→ What to produce:
Copy each line below containing "kind".

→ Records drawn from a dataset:
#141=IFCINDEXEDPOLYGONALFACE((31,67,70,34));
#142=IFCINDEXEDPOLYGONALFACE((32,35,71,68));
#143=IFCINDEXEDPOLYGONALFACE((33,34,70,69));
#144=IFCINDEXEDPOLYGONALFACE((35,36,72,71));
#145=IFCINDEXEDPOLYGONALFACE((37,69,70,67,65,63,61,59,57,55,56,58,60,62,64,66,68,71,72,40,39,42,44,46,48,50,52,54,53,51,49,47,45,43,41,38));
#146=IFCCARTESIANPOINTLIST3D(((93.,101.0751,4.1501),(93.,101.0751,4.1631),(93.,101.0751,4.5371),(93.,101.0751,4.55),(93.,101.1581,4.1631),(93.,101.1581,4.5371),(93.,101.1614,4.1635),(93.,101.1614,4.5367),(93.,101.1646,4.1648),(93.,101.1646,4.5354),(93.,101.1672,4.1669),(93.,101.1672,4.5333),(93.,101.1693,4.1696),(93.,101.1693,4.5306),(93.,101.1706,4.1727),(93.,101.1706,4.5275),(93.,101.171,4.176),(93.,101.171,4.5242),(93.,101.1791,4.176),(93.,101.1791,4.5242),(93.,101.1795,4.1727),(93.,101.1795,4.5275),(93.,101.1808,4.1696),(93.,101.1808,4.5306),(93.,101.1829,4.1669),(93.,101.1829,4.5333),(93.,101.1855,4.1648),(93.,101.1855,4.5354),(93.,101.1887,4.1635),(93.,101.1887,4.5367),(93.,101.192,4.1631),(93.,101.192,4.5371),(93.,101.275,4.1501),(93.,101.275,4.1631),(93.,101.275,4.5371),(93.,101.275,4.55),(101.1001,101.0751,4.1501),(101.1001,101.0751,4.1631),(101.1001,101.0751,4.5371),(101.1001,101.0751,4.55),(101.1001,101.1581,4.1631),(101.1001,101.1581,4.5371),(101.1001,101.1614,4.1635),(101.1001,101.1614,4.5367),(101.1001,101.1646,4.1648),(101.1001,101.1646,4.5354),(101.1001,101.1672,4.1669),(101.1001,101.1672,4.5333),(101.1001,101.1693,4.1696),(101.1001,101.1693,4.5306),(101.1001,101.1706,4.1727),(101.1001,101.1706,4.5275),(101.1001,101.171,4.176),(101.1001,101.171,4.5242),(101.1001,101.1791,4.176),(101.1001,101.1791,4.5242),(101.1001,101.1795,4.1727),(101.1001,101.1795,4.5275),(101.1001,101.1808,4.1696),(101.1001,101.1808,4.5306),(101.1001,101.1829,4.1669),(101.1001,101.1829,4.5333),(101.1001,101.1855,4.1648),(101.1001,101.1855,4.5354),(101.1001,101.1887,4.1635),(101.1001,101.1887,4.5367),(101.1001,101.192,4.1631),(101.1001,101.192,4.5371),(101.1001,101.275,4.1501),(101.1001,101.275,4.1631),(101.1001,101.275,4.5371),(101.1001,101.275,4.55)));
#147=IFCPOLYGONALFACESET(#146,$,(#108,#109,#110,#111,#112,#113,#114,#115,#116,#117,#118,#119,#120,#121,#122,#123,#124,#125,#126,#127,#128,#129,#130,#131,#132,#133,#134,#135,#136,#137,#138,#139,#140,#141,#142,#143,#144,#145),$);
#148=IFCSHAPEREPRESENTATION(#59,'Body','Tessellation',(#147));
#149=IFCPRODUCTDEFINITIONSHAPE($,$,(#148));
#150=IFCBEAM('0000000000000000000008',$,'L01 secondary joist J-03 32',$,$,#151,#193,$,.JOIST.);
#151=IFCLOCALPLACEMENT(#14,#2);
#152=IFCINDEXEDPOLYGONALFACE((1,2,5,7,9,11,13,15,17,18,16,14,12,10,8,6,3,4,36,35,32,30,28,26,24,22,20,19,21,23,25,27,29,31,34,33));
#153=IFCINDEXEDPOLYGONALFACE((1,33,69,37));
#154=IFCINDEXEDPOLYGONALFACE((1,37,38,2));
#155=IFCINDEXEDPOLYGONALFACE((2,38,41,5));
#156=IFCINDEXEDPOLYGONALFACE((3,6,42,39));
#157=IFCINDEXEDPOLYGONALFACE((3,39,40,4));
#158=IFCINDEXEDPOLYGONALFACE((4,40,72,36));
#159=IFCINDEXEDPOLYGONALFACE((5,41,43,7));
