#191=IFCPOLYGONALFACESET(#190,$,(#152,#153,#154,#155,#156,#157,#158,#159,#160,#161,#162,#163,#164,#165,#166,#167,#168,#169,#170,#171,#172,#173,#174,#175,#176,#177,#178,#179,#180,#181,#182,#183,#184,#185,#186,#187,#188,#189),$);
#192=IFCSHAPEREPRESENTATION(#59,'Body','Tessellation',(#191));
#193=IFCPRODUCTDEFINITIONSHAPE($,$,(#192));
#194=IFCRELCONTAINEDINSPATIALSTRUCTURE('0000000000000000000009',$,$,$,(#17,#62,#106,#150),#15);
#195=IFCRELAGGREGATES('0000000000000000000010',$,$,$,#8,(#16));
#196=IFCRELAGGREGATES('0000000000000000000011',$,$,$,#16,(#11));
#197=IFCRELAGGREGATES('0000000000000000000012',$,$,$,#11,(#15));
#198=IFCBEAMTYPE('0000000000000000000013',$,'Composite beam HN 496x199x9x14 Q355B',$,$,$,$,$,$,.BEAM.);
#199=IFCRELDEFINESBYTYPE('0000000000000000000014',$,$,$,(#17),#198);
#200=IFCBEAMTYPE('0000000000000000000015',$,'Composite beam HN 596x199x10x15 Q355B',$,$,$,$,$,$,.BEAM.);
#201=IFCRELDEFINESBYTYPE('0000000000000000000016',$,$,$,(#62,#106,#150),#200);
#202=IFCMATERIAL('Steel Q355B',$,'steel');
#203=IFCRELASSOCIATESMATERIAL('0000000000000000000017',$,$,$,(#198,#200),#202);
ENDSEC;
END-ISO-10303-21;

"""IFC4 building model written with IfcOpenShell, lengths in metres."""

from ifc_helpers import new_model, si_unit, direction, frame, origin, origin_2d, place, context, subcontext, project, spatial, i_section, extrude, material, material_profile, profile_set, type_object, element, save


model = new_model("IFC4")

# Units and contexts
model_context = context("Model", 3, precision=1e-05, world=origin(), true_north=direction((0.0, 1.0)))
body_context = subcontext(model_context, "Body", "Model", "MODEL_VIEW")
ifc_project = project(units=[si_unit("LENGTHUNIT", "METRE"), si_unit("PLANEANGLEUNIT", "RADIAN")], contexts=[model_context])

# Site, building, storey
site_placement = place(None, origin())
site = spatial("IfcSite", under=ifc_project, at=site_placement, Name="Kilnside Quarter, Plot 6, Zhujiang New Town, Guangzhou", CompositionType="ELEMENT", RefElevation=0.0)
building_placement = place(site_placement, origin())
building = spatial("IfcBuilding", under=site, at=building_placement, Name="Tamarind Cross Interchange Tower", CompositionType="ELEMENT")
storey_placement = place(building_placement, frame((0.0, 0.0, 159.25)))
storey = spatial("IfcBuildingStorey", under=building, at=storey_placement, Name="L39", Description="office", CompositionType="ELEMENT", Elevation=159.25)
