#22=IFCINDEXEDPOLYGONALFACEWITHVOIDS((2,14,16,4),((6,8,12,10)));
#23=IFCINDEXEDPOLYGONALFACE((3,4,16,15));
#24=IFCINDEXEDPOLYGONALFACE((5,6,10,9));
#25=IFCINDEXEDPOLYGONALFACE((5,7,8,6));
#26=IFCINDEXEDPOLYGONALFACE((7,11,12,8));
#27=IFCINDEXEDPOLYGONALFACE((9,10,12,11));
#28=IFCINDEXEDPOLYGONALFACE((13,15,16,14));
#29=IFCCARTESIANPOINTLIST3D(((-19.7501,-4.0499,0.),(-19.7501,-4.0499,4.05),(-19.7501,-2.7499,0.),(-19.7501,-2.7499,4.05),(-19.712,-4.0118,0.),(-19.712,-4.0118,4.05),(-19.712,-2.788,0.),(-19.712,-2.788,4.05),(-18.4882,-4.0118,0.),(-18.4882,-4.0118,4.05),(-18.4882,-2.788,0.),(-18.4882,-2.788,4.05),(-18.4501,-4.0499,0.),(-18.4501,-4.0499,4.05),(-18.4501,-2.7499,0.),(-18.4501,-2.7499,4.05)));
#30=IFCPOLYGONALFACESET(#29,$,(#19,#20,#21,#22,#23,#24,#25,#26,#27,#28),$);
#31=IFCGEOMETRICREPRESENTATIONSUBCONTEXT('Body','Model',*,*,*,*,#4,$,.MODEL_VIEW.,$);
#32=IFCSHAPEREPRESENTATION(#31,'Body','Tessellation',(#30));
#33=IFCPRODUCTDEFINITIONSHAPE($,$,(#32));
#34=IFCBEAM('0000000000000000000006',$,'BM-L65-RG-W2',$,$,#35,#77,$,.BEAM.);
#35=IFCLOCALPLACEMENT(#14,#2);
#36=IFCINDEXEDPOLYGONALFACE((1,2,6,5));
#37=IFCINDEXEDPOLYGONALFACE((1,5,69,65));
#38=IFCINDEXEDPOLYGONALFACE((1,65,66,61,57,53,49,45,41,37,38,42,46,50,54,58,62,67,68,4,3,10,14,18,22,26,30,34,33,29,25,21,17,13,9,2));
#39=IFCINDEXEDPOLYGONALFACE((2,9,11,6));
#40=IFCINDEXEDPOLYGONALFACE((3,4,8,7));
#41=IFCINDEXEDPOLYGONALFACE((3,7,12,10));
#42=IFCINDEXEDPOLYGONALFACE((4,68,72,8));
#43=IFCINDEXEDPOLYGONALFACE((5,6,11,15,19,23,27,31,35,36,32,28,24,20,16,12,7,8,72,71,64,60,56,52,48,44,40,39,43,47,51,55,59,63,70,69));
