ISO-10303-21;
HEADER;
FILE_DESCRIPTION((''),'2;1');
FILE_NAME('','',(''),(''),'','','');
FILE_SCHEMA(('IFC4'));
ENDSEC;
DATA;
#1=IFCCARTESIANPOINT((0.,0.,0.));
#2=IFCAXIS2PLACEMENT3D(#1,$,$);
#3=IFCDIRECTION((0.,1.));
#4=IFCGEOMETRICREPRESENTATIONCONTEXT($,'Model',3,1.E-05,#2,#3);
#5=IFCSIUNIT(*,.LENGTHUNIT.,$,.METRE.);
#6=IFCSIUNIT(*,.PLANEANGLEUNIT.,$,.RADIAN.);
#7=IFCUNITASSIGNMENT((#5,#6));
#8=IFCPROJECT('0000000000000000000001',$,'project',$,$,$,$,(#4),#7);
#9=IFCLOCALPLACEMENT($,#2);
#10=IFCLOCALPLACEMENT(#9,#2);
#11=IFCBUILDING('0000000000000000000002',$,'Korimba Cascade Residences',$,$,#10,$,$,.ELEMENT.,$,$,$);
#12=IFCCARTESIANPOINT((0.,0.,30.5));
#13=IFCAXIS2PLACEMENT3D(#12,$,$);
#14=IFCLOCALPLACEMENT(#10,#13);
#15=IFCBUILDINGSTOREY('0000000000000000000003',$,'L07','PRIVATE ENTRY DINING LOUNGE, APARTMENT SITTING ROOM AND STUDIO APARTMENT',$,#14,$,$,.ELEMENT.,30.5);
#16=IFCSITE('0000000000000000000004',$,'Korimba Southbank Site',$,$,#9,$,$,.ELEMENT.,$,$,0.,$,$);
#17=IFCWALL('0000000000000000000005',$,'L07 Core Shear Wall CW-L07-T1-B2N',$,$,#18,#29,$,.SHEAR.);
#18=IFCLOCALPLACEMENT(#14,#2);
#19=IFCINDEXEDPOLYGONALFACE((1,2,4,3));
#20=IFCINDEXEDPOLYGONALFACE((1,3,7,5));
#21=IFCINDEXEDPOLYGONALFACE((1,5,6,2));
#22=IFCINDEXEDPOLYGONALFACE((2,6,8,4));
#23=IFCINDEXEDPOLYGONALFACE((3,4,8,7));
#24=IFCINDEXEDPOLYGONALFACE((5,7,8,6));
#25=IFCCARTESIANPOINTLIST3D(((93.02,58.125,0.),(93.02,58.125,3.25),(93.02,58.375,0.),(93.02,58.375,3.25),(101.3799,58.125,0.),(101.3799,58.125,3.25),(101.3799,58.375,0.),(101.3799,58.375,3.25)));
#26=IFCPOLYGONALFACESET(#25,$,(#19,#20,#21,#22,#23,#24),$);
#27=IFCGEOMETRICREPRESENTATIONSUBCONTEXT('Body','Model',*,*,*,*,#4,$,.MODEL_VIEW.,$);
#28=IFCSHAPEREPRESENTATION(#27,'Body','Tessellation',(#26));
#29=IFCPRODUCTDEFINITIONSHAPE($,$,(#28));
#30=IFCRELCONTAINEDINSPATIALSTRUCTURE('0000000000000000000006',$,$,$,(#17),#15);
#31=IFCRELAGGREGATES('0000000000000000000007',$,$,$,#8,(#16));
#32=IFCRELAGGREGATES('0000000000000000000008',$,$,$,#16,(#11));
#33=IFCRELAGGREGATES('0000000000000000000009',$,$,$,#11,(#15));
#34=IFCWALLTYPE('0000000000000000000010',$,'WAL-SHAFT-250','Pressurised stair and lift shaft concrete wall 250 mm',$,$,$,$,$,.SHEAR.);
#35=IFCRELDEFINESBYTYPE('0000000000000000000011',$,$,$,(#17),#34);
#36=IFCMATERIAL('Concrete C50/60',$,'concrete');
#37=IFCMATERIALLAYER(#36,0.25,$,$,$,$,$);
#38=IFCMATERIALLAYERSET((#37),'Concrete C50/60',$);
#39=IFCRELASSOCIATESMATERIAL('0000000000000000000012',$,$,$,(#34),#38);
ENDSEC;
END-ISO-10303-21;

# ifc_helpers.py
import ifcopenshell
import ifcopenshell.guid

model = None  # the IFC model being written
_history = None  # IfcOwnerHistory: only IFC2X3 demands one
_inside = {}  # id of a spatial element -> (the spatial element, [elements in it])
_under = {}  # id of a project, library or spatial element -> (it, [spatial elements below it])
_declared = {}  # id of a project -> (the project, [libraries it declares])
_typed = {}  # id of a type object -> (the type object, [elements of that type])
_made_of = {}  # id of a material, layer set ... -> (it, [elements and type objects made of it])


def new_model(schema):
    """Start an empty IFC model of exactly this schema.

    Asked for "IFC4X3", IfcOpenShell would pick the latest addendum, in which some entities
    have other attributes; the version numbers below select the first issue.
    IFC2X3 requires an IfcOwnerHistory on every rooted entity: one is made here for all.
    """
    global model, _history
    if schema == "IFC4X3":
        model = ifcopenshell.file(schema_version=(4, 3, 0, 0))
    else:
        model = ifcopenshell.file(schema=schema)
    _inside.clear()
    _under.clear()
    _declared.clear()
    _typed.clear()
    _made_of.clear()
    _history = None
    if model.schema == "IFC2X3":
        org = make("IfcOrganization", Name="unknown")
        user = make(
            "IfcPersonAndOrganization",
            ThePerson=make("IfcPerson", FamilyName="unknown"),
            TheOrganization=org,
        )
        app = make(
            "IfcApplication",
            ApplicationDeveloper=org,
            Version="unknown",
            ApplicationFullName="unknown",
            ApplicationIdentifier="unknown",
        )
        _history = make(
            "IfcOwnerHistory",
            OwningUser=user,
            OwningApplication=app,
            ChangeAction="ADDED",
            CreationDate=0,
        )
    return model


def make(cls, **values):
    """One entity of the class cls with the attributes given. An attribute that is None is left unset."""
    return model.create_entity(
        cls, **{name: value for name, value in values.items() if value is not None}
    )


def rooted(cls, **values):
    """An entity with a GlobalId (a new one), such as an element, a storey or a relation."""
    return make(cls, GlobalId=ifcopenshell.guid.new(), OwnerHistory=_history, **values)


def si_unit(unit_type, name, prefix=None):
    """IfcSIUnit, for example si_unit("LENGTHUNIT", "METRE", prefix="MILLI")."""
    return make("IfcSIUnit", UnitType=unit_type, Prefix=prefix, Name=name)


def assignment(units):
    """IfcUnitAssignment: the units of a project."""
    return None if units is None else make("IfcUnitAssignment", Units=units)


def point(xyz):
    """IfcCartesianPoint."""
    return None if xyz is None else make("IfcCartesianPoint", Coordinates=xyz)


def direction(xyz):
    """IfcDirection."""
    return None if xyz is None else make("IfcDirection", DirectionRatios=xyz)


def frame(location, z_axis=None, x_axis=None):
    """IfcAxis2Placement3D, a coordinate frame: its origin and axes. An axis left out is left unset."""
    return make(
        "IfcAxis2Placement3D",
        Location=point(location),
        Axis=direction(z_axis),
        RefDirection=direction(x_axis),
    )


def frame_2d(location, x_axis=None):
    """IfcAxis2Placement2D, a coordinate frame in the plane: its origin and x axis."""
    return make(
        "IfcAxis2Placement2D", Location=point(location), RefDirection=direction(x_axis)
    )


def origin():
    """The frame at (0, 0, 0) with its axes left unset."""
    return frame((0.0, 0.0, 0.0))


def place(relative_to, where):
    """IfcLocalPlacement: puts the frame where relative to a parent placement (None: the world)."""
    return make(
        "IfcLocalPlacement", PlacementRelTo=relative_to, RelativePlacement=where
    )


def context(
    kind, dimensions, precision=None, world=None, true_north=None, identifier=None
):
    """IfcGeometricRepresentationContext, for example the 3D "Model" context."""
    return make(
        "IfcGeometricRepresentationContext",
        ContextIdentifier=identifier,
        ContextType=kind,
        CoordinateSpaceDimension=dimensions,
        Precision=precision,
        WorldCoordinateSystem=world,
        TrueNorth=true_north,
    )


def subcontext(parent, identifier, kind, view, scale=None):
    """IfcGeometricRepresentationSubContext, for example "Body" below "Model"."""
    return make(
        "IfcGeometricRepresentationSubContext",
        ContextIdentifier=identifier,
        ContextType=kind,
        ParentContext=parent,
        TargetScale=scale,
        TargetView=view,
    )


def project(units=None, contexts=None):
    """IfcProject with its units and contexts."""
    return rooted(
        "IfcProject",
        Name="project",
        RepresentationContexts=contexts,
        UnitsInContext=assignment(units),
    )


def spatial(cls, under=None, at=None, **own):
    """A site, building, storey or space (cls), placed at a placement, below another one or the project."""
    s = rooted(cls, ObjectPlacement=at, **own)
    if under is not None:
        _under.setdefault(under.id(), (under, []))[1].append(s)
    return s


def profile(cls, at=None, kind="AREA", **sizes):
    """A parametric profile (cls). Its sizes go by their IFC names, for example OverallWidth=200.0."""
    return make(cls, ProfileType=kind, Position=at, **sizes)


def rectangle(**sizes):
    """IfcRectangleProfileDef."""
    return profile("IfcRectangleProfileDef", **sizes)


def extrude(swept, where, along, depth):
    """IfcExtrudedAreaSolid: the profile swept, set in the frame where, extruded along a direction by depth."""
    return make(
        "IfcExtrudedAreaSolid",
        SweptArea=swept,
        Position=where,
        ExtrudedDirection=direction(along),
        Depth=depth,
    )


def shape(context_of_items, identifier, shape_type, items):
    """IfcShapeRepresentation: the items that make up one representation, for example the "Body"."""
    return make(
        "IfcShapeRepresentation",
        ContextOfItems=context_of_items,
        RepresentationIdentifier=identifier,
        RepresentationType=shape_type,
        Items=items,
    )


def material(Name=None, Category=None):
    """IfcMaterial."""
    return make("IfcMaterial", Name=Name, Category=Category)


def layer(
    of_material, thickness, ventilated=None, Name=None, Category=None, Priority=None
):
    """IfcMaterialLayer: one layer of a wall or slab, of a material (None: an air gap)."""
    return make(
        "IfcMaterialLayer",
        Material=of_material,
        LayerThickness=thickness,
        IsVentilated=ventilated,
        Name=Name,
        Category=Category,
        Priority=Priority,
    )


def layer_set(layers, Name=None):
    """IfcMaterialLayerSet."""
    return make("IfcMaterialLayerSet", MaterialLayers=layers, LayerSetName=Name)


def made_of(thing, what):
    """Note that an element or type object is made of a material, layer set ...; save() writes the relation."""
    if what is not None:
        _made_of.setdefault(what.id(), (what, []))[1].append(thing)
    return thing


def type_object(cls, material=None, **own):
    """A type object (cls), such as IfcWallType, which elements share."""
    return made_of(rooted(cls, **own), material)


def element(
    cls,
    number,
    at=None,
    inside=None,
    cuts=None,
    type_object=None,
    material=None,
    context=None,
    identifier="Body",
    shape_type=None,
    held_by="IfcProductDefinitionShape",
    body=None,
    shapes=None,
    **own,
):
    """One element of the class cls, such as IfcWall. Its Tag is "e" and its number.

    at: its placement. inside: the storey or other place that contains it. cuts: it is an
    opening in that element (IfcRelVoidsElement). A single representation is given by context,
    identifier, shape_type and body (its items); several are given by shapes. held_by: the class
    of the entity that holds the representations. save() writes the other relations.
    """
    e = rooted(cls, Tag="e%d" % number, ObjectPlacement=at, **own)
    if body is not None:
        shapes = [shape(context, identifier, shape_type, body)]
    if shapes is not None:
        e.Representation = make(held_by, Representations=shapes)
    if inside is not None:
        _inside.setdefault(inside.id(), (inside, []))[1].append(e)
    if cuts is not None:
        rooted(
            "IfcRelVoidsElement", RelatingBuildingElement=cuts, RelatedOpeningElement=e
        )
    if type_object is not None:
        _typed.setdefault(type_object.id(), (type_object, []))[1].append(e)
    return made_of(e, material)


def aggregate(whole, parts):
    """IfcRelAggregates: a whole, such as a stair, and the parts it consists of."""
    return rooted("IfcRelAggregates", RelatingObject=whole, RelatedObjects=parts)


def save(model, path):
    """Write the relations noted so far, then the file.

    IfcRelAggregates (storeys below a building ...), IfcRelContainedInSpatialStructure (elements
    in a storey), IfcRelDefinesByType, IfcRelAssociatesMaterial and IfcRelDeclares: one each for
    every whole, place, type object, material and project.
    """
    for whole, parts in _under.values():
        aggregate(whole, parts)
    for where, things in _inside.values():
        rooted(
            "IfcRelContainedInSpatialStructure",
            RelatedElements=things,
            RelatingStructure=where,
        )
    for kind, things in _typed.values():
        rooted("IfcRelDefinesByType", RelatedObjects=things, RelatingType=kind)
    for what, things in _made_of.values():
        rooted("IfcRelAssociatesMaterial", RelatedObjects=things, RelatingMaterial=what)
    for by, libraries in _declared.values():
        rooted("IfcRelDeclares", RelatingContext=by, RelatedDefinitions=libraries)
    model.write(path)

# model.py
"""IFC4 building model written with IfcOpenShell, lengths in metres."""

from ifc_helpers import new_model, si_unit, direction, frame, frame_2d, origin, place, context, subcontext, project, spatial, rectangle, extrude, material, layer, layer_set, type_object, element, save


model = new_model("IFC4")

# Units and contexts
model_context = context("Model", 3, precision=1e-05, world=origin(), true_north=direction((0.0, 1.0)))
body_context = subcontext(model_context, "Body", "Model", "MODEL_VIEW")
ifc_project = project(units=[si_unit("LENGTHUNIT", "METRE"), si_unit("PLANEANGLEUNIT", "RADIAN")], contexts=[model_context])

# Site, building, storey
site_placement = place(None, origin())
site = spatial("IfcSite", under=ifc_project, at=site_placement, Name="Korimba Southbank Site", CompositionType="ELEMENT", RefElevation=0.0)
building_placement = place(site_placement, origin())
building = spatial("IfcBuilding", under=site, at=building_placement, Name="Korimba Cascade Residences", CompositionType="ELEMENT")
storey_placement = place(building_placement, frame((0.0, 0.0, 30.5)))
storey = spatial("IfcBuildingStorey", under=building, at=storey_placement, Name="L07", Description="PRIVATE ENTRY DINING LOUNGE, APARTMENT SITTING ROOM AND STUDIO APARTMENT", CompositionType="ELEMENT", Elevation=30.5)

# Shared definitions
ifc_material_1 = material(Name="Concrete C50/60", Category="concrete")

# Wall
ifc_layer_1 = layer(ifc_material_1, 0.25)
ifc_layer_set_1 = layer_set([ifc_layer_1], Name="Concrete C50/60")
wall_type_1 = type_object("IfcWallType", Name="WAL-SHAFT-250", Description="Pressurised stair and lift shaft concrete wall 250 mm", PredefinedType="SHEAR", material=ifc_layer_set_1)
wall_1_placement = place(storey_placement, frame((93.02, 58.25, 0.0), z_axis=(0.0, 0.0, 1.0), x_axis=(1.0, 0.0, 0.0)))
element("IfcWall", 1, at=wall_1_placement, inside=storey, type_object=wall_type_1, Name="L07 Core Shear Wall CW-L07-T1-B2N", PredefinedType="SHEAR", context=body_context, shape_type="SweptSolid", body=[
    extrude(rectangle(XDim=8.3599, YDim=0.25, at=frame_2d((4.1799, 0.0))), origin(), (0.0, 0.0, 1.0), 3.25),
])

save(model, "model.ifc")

* * *

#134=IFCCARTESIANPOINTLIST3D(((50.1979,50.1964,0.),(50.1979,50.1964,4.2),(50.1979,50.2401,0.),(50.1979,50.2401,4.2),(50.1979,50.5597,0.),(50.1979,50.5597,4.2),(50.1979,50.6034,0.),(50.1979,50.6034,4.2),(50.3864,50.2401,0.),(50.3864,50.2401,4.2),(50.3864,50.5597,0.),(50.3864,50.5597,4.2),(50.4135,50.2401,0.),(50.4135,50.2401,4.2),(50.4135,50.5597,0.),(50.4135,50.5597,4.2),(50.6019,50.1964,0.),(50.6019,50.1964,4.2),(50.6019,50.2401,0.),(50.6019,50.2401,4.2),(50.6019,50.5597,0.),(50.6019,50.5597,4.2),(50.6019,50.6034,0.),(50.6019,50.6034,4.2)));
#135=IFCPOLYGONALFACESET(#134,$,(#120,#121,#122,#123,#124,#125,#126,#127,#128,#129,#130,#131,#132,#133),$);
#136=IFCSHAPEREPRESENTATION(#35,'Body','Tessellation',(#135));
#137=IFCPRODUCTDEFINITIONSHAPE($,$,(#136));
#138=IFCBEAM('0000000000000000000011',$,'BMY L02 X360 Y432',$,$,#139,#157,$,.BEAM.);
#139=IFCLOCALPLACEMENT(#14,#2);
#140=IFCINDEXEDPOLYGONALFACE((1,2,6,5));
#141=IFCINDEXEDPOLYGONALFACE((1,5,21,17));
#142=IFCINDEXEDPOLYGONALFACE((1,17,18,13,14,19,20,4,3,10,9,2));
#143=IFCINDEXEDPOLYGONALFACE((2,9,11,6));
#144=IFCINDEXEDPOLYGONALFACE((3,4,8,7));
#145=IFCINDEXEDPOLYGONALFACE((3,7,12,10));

→ Written response:
    kind, dimensions, precision=None, world=None, true_north=None, identifier=None
        ContextType=kind,
def subcontext(parent, identifier, kind, view, scale=None):
        ContextType=kind,
def profile(cls, at=None, kind="AREA", **sizes):
    return make(cls, ProfileType=kind, Position=at, **sizes)
    for kind, things in _typed.values():
        rooted("IfcRelDefinesByType", RelatedObjects=things, RelatingType=kind)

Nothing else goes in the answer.